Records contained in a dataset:
§ §

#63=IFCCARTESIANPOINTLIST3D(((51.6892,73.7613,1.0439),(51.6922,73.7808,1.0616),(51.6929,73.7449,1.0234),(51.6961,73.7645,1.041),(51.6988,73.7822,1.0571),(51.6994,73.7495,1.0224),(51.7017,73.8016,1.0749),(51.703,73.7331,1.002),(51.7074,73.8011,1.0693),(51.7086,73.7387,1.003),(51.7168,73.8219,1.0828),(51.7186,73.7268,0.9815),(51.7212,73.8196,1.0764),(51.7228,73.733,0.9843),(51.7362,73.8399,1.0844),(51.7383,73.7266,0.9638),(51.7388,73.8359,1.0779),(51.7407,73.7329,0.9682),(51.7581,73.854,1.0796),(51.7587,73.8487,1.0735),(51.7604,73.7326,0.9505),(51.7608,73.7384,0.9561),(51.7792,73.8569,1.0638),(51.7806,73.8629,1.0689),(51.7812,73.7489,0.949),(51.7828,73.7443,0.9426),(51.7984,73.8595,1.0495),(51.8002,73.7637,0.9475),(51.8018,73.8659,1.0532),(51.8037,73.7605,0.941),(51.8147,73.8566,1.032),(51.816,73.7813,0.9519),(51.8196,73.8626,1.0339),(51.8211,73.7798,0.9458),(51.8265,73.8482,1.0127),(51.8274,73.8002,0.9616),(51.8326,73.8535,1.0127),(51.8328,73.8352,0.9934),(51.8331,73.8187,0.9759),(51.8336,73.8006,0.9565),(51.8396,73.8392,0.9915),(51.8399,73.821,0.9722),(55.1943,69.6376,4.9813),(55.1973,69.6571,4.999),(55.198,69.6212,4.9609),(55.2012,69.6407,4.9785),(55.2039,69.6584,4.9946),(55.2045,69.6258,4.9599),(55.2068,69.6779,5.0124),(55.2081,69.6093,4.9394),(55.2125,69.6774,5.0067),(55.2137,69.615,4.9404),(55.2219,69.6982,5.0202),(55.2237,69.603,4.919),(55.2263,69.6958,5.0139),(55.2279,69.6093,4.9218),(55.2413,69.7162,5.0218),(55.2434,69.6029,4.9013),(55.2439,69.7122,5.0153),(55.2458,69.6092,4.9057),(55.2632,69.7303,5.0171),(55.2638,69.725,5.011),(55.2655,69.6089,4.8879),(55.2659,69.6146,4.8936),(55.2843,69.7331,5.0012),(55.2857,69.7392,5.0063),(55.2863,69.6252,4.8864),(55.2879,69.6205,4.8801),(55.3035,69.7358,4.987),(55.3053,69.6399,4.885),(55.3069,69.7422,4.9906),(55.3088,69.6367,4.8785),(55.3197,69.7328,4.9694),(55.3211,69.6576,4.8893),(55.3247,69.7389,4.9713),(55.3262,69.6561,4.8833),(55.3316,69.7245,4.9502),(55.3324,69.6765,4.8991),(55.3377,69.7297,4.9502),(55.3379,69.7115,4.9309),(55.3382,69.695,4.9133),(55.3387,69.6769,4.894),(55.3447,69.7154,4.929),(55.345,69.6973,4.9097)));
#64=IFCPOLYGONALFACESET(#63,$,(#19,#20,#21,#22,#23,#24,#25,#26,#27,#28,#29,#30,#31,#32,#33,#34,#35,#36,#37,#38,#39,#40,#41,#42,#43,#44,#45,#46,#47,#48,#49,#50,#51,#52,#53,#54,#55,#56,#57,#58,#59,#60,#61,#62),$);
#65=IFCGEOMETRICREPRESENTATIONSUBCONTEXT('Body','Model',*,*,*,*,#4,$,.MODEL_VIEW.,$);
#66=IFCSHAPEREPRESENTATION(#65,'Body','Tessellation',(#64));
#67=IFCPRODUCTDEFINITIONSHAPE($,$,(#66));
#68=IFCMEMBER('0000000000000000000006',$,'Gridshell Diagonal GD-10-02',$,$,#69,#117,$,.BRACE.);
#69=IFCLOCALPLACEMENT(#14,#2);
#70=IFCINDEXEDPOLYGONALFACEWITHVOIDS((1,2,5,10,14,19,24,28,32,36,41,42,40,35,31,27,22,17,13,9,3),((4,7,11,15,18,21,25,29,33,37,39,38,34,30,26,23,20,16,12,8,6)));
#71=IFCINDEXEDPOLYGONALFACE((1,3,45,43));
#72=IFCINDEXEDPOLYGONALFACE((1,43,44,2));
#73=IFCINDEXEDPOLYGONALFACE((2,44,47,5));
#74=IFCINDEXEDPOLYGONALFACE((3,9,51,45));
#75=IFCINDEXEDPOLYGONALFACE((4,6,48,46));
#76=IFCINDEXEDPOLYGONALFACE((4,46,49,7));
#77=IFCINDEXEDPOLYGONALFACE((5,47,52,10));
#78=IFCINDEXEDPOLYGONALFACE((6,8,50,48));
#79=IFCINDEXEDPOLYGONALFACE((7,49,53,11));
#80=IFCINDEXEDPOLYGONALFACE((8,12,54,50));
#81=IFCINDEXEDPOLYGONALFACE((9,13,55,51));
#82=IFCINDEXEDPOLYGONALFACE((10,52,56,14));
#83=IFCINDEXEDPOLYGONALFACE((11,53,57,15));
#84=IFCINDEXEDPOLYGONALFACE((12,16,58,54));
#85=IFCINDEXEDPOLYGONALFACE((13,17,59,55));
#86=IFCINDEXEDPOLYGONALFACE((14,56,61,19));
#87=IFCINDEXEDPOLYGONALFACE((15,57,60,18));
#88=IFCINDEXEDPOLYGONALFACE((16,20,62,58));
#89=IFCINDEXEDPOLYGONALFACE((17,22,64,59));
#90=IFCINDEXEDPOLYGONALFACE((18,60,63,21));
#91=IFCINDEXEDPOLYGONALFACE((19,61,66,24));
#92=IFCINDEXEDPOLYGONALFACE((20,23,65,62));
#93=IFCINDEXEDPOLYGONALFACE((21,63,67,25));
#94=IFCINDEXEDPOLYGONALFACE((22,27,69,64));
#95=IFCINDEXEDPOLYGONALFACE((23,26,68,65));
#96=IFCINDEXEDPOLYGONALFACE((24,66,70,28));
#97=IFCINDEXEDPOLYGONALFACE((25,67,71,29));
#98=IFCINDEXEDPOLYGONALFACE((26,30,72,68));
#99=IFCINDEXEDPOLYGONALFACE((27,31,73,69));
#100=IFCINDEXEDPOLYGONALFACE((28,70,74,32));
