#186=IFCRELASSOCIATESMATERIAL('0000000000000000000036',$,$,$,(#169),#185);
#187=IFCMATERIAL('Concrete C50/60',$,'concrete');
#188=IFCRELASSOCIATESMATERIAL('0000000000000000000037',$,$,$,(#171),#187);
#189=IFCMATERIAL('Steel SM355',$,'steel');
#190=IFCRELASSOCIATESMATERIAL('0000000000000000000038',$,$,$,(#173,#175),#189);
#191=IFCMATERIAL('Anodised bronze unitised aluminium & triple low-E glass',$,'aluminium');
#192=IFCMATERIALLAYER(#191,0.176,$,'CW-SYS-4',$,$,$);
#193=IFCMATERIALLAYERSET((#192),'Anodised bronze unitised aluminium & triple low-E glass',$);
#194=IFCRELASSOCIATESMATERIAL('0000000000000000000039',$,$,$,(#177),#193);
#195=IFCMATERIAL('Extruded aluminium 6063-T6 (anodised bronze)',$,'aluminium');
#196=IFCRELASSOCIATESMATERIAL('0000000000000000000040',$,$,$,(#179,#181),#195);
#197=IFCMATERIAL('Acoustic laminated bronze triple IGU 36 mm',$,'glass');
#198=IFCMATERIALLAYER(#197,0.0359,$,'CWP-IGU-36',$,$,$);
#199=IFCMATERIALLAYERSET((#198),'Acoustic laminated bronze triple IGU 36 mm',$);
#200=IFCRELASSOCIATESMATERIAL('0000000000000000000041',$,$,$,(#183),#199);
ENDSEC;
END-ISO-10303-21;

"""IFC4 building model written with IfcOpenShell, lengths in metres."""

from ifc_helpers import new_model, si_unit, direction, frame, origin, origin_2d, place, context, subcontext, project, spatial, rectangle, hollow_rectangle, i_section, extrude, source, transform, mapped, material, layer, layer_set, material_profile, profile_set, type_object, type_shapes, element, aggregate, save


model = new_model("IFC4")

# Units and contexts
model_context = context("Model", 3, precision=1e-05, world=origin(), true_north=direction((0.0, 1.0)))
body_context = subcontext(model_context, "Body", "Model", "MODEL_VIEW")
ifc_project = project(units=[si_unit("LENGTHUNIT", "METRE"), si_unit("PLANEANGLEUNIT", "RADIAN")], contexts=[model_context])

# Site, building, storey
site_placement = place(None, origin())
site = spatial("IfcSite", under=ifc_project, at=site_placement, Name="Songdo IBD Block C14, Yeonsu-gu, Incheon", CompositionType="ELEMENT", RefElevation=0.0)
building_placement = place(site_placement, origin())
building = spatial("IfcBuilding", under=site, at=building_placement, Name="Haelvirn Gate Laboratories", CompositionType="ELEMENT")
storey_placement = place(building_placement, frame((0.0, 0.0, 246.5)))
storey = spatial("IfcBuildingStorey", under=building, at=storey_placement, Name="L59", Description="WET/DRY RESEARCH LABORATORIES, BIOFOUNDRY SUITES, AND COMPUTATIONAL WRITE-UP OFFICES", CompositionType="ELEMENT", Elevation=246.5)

§ §

WHAT IS BEING ASKED: Retype the portion of the data above that starts on the line with "site_placement = place(None, origin())" and finishes on the line with "frame((0.0, 0.0, 246.5)))", including both of those lines.

YOUR RESPONSE:
site_placement = place(None, origin())
site = spatial("IfcSite", under=ifc_project, at=site_placement, Name="Songdo IBD Block C14, Yeonsu-gu, Incheon", CompositionType="ELEMENT", RefElevation=0.0)
building_placement = place(site_placement, origin())
building = spatial("IfcBuilding", under=site, at=building_placement, Name="Haelvirn Gate Laboratories", CompositionType="ELEMENT")
storey_placement = place(building_placement, frame((0.0, 0.0, 246.5)))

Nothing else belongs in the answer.